→ TASK STATEMENT: Lines with the word "IFCPOLYGONALFACESET" are the ones wanted. Copy each of them from the entries below.

#### MATERIAL FOR THIS TASK ####

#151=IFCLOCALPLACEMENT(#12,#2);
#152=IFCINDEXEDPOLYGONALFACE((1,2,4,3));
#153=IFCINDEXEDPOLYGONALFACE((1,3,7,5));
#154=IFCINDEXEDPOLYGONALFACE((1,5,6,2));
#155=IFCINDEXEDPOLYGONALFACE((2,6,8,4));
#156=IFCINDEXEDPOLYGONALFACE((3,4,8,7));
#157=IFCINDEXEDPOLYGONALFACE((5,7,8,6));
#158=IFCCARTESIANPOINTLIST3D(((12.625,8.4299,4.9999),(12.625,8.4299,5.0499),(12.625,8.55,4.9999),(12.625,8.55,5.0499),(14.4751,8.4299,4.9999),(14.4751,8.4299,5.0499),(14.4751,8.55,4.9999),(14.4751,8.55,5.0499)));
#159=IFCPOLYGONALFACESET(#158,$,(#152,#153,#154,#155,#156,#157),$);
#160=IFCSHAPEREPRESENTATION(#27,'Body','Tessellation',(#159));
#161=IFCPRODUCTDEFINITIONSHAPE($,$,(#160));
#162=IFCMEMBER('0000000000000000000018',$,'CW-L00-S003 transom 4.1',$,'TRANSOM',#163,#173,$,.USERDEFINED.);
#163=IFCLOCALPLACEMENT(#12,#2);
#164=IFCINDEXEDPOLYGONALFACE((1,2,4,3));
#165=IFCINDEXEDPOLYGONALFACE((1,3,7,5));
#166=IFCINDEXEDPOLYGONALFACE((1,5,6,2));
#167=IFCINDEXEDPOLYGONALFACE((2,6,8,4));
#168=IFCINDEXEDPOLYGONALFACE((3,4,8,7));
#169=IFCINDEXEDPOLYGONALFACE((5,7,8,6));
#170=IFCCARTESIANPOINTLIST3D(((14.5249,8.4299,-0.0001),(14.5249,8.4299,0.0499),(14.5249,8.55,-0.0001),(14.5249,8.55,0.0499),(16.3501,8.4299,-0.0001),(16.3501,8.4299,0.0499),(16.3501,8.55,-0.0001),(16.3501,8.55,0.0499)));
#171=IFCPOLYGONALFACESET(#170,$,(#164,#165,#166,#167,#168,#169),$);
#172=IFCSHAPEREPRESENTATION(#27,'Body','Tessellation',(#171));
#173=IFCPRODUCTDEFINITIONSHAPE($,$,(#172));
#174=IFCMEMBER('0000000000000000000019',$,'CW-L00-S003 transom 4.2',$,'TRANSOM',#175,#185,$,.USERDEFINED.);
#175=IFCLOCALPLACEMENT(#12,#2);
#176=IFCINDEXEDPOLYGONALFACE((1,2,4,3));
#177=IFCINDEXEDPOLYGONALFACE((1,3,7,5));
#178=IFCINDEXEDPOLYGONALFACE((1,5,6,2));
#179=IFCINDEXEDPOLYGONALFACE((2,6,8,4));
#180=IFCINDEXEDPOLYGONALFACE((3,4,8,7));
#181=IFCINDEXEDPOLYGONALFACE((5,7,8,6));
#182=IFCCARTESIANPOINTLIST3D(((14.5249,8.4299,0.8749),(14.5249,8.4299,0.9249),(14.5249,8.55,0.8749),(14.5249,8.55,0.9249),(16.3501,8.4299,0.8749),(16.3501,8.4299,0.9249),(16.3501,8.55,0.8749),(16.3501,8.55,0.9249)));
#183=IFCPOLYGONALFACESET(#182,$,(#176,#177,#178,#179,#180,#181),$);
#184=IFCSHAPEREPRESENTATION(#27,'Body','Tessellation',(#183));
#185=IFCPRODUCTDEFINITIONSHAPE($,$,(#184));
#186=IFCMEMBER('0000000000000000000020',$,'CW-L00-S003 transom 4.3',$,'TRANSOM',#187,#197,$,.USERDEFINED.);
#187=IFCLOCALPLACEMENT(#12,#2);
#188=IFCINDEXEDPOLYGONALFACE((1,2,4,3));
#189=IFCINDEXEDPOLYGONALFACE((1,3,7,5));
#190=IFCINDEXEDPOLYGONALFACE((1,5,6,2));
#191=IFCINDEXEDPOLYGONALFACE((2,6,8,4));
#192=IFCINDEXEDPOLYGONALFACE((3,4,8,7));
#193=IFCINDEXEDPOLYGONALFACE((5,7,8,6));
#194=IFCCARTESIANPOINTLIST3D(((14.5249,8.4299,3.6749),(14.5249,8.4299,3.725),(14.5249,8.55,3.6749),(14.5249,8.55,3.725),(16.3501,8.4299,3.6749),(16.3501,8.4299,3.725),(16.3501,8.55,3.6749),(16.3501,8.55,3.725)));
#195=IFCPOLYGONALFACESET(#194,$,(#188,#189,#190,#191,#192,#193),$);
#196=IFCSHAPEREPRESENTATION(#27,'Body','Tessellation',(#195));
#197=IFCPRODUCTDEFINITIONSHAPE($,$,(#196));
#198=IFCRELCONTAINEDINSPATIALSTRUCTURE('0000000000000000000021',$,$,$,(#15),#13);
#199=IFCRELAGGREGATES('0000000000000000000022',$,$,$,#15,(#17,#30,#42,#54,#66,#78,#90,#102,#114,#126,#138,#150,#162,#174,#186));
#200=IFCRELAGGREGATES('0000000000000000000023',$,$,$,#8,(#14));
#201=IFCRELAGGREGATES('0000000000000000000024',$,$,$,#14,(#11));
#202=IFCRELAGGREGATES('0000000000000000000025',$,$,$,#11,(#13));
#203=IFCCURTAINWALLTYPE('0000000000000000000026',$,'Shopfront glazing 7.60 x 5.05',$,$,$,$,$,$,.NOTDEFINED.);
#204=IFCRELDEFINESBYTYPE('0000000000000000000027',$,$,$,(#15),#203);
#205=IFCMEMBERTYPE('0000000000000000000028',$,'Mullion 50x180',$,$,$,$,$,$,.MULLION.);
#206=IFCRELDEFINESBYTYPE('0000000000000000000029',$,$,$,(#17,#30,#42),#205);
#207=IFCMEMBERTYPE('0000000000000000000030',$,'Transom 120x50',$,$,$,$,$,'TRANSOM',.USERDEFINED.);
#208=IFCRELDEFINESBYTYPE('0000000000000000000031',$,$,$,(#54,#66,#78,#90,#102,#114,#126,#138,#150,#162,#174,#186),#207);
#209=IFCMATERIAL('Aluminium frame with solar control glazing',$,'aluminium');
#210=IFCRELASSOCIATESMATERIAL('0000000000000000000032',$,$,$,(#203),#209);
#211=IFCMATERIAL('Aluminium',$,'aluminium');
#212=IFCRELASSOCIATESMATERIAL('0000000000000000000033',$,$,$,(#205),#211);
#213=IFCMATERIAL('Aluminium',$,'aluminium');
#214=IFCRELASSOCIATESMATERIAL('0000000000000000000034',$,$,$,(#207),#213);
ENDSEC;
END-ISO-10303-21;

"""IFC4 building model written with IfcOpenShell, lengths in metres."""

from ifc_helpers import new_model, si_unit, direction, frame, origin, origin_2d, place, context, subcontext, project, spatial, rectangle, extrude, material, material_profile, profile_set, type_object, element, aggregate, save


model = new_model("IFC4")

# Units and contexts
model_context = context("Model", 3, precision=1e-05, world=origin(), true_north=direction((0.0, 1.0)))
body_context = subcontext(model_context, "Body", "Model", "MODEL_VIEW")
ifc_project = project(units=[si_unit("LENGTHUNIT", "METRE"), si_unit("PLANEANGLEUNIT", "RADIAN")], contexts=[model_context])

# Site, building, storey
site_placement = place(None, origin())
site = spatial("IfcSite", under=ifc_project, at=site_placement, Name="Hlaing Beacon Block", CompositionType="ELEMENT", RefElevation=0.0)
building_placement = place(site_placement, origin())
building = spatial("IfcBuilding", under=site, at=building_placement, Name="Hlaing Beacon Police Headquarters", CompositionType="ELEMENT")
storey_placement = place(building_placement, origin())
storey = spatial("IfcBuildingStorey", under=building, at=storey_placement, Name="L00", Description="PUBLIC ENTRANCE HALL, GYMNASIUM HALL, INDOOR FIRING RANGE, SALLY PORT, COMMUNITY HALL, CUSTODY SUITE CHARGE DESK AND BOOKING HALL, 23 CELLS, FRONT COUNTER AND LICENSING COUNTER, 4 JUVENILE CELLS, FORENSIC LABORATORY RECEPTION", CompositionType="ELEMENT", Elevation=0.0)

####

→ ANSWER BOX:
#159=IFCPOLYGONALFACESET(#158,$,(#152,#153,#154,#155,#156,#157),$);
#171=IFCPOLYGONALFACESET(#170,$,(#164,#165,#166,#167,#168,#169),$);
#183=IFCPOLYGONALFACESET(#182,$,(#176,#177,#178,#179,#180,#181),$);
#195=IFCPOLYGONALFACESET(#194,$,(#188,#189,#190,#191,#192,#193),$);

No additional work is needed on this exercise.